⟨

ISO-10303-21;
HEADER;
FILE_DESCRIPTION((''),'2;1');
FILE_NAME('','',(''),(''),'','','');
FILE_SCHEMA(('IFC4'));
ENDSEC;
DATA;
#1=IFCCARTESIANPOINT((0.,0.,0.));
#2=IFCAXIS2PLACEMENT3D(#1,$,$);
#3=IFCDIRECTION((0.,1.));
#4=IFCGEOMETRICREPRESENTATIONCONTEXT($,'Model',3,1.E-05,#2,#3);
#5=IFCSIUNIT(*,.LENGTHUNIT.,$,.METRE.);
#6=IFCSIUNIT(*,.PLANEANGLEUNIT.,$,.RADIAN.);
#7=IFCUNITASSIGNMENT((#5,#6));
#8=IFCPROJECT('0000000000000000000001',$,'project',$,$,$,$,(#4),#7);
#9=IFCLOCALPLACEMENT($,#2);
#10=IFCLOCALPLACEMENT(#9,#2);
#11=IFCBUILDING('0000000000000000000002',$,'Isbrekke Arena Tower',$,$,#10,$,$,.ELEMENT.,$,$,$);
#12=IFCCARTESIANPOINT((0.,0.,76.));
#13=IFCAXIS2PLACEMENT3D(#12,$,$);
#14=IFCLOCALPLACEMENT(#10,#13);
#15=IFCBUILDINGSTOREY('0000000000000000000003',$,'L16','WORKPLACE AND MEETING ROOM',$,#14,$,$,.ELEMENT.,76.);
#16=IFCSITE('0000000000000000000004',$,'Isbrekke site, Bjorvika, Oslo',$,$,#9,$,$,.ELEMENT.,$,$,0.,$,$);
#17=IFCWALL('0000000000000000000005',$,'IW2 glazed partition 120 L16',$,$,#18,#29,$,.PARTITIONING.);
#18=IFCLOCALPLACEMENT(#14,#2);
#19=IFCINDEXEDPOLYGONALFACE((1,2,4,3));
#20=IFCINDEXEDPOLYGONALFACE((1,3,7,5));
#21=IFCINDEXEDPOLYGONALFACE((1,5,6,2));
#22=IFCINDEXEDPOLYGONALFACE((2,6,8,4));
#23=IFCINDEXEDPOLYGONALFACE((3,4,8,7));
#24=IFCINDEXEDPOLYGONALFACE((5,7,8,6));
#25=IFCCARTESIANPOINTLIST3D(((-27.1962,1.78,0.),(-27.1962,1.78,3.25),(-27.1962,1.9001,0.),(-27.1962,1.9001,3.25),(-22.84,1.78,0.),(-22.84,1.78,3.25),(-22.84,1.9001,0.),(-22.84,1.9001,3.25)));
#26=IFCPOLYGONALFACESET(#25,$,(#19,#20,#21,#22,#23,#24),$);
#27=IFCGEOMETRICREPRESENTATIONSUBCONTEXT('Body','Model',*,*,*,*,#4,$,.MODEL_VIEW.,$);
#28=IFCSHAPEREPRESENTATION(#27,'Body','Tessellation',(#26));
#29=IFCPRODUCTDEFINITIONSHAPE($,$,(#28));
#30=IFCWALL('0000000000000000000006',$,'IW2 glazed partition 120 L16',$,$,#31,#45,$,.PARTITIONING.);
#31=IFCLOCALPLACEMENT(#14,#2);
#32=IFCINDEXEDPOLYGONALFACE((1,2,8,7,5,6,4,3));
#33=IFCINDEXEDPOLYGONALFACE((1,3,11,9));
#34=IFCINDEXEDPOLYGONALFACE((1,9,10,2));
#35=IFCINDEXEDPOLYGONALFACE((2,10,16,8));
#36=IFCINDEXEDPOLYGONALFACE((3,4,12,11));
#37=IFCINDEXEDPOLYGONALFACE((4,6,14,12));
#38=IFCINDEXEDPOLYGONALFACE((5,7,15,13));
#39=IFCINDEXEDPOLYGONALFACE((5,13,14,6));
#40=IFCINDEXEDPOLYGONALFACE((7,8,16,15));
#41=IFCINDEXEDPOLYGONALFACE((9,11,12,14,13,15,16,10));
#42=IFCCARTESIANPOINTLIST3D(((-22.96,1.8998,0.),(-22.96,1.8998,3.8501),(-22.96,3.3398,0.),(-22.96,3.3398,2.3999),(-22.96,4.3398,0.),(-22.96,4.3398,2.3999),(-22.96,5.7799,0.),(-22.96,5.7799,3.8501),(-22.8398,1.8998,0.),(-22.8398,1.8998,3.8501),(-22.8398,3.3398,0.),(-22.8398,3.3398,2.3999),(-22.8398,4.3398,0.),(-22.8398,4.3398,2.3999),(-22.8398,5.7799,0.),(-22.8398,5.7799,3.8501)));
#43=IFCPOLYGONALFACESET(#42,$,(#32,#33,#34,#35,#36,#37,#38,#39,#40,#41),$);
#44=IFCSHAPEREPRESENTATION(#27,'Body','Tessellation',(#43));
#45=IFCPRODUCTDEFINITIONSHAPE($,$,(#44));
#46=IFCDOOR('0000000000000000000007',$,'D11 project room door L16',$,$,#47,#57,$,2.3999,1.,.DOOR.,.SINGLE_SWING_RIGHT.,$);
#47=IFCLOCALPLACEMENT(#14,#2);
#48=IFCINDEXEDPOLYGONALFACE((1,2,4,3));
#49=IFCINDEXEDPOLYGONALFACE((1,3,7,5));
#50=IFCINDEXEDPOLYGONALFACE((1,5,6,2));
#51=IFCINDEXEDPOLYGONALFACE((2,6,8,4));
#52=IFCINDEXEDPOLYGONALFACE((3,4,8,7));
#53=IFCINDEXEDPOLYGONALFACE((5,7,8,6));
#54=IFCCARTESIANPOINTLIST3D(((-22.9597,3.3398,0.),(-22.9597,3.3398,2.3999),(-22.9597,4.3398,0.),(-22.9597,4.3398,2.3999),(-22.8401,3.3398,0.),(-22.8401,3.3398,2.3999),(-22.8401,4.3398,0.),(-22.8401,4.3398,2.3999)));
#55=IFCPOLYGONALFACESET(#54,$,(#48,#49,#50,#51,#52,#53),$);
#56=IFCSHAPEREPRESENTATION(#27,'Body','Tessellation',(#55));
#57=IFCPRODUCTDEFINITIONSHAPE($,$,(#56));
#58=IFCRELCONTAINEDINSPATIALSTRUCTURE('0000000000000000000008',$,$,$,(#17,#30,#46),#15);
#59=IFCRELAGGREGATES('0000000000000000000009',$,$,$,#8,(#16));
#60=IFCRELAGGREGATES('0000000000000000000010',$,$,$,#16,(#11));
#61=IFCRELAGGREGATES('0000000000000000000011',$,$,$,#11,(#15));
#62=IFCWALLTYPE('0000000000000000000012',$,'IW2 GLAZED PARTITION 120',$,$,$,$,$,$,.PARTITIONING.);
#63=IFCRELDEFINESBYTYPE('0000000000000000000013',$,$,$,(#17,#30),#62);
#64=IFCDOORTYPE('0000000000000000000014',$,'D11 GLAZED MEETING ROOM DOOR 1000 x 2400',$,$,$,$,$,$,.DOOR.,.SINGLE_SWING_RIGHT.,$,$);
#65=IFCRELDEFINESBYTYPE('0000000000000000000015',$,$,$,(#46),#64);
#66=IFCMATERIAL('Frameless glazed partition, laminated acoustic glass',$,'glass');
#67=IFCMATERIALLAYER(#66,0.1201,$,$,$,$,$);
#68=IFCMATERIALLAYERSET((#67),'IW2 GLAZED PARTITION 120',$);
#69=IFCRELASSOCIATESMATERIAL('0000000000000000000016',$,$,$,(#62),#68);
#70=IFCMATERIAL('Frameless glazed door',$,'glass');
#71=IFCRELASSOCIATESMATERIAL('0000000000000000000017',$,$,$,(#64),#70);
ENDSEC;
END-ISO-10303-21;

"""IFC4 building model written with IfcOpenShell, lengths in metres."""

from ifc_helpers import new_model, si_unit, direction, frame, frame_2d, origin, place, context, subcontext, project, spatial, rectangle, extrude, material, layer, layer_set, type_object, element, fill, save


model = new_model("IFC4")

# Units and contexts
model_context = context("Model", 3, precision=1e-05, world=origin(), true_north=direction((0.0, 1.0)))
body_context = subcontext(model_context, "Body", "Model", "MODEL_VIEW")
ifc_project = project(units=[si_unit("LENGTHUNIT", "METRE"), si_unit("PLANEANGLEUNIT", "RADIAN")], contexts=[model_context])

# Site, building, storey
site_placement = place(None, origin())
site = spatial("IfcSite", under=ifc_project, at=site_placement, Name="Isbrekke site, Bjorvika, Oslo", CompositionType="ELEMENT", RefElevation=0.0)
building_placement = place(site_placement, origin())
building = spatial("IfcBuilding", under=site, at=building_placement, Name="Isbrekke Arena Tower", CompositionType="ELEMENT")
storey_placement = place(building_placement, frame((0.0, 0.0, 76.0)))
storey = spatial("IfcBuildingStorey", under=building, at=storey_placement, Name="L16", Description="WORKPLACE AND MEETING ROOM", CompositionType="ELEMENT", Elevation=76.0)

# Shared definitions
ifc_material_1 = material(Name="Frameless glazed partition, laminated acoustic glass", Category="glass")
ifc_layer_1 = layer(ifc_material_1, 0.1201)
ifc_layer_set_1 = layer_set([ifc_layer_1], Name="IW2 GLAZED PARTITION 120")
wall_type = type_object("IfcWallType", Name="IW2 GLAZED PARTITION 120", PredefinedType="PARTITIONING", material=ifc_layer_set_1)

# Shared definitions
ifc_material_2 = material(Name="Frameless glazed door", Category="glass")
door_type = type_object("IfcDoorType", Name="D11 GLAZED MEETING ROOM DOOR 1000 x 2400", OperationType="SINGLE_SWING_RIGHT", PredefinedType="DOOR", material=ifc_material_2)

# Wall
wall_1_placement = place(storey_placement, frame((-27.1963, 1.8401, 0.0), z_axis=(0.0, 0.0, 1.0), x_axis=(1.0, 0.0, 0.0)))
element("IfcWall", 1, at=wall_1_placement, inside=storey, type_object=wall_type, Name="IW2 glazed partition 120 L16", PredefinedType="PARTITIONING", context=body_context, shape_type="SweptSolid", body=[
    extrude(rectangle(XDim=4.3562, YDim=0.1201, at=frame_2d((2.1782, 0.0))), origin(), (0.0, 0.0, 1.0), 3.25),
])

# Wall, opening, door
wall_2_placement = place(storey_placement, frame((-22.8999, 1.8999, 0.0), z_axis=(0.0, 0.0, 1.0), x_axis=(0.0, 1.0, 0.0)))
wall_2 = element("IfcWall", 2, at=wall_2_placement, inside=storey, type_object=wall_type, Name="IW2 glazed partition 120 L16", PredefinedType="PARTITIONING", context=body_context, shape_type="SweptSolid", body=[
    extrude(rectangle(XDim=3.8801, YDim=0.1201, at=frame_2d((1.9399, 0.0))), origin(), (0.0, 0.0, 1.0), 3.8501),
])
opening_1_placement = place(wall_2_placement, frame((1.4399, 0.0, 0.0)))
opening_1 = element("IfcOpeningElement", 3, at=opening_1_placement, cuts=wall_2, PredefinedType="OPENING", context=body_context, shape_type="SweptSolid", body=[
    extrude(rectangle(XDim=1.0, YDim=2.3999, at=frame_2d((0.5, 1.2))), frame((0.0, 0.075, 0.0), z_axis=(0.0, -1.0, 0.0), x_axis=(1.0, 0.0, 0.0)), (0.0, 0.0, 1.0), 0.1499),
])
door_1_placement = place(opening_1_placement, origin())
door_1 = element("IfcDoor", 4, at=door_1_placement, inside=storey, type_object=door_type, Name="D11 project room door L16", OperationType="SINGLE_SWING_RIGHT", OverallHeight=2.3999, OverallWidth=1.0, PredefinedType="DOOR", context=body_context, shape_type="SweptSolid", body=[
    extrude(rectangle(XDim=1.0, YDim=2.3999, at=frame_2d((0.5, 1.2))), frame((0.0, 0.0598, 0.0), z_axis=(0.0, -1.0, 0.0), x_axis=(1.0, 0.0, 0.0)), (0.0, 0.0, 1.0), 0.1196),
])
fill(opening_1, door_1)

save(model, "model.ifc")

⟩

## [Problem to work on]
Reproduce only the lines above spanning from the line containing "#30=IFCWALL('0000000000000000000006',$,'IW2 glazed partition" through the line containing "#41=IFCINDEXEDPOLYGONALFACE((9,11,12,14,13,15,16,10));", word for word.

## [Response]
#30=IFCWALL('0000000000000000000006',$,'IW2 glazed partition 120 L16',$,$,#31,#45,$,.PARTITIONING.);
#31=IFCLOCALPLACEMENT(#14,#2);
#32=IFCINDEXEDPOLYGONALFACE((1,2,8,7,5,6,4,3));
#33=IFCINDEXEDPOLYGONALFACE((1,3,11,9));
#34=IFCINDEXEDPOLYGONALFACE((1,9,10,2));
#35=IFCINDEXEDPOLYGONALFACE((2,10,16,8));
#36=IFCINDEXEDPOLYGONALFACE((3,4,12,11));
#37=IFCINDEXEDPOLYGONALFACE((4,6,14,12));
#38=IFCINDEXEDPOLYGONALFACE((5,7,15,13));
#39=IFCINDEXEDPOLYGONALFACE((5,13,14,6));
#40=IFCINDEXEDPOLYGONALFACE((7,8,16,15));
#41=IFCINDEXEDPOLYGONALFACE((9,11,12,14,13,15,16,10));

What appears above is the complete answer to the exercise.